__Try it__
Within the listing below, please copy exactly the lines between the line holding "#47=IFCINDEXEDPOLYGONALFACE((1,3,7,5));" and the line holding "#52=IFCINDEXEDPOLYGONALFACE((6,8,12,10));", inclusive.

__The records__
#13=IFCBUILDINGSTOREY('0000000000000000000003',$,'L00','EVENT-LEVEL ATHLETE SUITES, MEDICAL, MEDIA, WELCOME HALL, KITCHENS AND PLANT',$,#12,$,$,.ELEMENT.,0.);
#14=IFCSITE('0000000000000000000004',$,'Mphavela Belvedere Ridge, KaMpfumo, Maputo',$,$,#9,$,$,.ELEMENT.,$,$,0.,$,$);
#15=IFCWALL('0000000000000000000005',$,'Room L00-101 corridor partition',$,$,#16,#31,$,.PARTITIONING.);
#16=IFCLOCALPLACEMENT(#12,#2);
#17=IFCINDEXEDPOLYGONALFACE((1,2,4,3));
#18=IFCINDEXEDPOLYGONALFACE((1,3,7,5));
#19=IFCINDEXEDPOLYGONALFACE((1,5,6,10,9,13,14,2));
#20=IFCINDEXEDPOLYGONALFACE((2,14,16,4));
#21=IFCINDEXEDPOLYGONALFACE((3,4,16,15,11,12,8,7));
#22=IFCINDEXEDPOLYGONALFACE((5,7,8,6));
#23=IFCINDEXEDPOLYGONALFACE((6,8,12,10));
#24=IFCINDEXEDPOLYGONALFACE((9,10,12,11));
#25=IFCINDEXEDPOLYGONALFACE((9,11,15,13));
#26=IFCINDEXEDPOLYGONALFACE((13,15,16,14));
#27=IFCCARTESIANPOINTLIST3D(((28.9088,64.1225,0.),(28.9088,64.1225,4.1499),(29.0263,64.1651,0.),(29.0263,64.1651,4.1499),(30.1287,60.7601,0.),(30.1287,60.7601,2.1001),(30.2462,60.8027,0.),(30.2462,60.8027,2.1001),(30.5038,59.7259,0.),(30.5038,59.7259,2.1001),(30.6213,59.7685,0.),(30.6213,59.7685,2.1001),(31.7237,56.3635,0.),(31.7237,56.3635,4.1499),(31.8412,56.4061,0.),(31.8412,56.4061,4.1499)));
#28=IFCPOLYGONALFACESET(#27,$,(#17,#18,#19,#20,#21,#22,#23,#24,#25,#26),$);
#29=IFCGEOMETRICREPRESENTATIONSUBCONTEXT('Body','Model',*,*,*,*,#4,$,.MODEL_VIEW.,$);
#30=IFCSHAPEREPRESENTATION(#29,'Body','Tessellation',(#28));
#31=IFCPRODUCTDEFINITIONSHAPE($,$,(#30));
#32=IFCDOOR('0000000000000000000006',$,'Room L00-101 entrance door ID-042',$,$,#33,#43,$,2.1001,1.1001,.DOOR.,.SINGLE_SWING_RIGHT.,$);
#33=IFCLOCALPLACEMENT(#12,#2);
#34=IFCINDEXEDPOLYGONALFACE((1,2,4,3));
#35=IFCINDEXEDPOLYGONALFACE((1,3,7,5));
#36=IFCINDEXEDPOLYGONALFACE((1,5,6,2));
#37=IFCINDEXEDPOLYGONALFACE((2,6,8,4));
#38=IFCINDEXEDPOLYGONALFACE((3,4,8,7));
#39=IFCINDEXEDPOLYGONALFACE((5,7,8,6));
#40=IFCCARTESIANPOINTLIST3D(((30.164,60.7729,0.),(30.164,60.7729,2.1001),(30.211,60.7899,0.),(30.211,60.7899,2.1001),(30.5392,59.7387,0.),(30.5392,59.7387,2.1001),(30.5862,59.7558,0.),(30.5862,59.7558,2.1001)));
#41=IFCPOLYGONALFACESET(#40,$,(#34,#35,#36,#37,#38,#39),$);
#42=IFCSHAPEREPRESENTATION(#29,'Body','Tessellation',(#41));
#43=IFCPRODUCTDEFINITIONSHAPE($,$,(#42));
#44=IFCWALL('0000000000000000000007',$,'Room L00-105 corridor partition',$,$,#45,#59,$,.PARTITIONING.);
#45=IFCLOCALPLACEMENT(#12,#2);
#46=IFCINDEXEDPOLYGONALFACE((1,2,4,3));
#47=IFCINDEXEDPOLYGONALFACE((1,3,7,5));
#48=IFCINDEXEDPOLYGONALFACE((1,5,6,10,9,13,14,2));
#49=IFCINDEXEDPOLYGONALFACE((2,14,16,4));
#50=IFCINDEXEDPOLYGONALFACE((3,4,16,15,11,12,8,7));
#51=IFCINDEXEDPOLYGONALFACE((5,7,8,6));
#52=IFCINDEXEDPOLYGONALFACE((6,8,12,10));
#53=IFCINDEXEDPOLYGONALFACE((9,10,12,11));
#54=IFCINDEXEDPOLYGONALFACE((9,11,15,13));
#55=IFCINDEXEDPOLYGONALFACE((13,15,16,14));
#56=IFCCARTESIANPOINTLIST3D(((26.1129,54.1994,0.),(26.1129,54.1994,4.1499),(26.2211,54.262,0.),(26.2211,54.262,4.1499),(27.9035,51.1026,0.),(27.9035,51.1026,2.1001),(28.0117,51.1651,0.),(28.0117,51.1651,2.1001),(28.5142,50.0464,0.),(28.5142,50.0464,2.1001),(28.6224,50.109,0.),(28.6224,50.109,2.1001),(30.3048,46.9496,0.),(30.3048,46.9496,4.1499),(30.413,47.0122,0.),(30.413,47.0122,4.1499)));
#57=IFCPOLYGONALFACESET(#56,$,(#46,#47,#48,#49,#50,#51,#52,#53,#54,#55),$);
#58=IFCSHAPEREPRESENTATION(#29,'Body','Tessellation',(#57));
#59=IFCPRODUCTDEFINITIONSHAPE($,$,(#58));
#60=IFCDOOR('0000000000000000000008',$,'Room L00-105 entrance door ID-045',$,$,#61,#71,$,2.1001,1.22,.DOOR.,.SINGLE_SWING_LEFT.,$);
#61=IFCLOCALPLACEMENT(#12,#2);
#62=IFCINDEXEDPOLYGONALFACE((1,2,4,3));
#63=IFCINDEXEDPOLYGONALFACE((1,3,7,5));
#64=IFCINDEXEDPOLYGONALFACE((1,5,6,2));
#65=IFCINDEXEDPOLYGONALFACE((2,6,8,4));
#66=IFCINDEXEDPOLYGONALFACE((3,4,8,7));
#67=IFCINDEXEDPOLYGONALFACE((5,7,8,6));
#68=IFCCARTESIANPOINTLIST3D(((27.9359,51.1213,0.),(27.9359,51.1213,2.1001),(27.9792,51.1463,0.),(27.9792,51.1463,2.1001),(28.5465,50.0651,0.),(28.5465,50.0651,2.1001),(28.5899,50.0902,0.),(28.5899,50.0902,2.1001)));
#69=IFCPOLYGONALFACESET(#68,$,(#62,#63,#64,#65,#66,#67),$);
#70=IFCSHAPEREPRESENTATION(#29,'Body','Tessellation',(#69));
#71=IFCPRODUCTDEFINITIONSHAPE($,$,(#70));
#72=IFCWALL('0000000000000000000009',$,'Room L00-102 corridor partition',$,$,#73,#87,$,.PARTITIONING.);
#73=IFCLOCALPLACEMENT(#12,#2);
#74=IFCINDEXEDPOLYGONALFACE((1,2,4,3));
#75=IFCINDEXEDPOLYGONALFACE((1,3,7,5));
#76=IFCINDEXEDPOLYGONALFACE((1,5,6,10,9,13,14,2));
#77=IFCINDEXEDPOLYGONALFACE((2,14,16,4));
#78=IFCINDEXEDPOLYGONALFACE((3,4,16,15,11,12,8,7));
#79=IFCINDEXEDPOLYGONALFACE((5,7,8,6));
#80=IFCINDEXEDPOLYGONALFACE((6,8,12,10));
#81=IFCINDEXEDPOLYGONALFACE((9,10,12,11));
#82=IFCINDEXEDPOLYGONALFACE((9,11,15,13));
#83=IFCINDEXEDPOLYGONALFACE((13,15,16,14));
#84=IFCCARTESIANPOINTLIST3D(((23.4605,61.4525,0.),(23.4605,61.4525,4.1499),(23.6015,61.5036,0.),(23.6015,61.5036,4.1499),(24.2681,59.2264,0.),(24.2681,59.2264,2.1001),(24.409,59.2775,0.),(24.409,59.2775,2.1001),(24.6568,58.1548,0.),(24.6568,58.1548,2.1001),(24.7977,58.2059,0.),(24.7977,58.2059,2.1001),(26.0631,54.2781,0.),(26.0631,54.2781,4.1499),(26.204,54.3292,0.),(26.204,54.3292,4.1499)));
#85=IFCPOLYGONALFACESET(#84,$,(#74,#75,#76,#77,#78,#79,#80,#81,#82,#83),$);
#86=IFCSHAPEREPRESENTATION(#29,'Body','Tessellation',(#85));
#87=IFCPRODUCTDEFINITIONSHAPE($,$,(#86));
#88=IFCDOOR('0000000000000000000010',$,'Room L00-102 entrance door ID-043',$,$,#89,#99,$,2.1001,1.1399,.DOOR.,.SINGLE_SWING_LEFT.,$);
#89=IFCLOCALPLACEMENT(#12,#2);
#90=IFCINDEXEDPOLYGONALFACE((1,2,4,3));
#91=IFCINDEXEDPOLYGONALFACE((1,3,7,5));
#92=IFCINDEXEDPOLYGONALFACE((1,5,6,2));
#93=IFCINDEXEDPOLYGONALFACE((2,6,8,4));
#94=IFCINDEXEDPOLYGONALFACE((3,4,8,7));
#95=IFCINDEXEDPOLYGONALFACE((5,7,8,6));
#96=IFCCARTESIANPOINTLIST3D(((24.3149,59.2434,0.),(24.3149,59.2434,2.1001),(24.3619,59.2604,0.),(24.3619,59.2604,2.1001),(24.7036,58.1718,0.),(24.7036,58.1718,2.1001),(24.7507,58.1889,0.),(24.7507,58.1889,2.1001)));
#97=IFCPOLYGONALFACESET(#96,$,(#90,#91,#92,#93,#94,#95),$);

__Reply to the exercise__
#47=IFCINDEXEDPOLYGONALFACE((1,3,7,5));
#48=IFCINDEXEDPOLYGONALFACE((1,5,6,10,9,13,14,2));
#49=IFCINDEXEDPOLYGONALFACE((2,14,16,4));
#50=IFCINDEXEDPOLYGONALFACE((3,4,16,15,11,12,8,7));
#51=IFCINDEXEDPOLYGONALFACE((5,7,8,6));
#52=IFCINDEXEDPOLYGONALFACE((6,8,12,10));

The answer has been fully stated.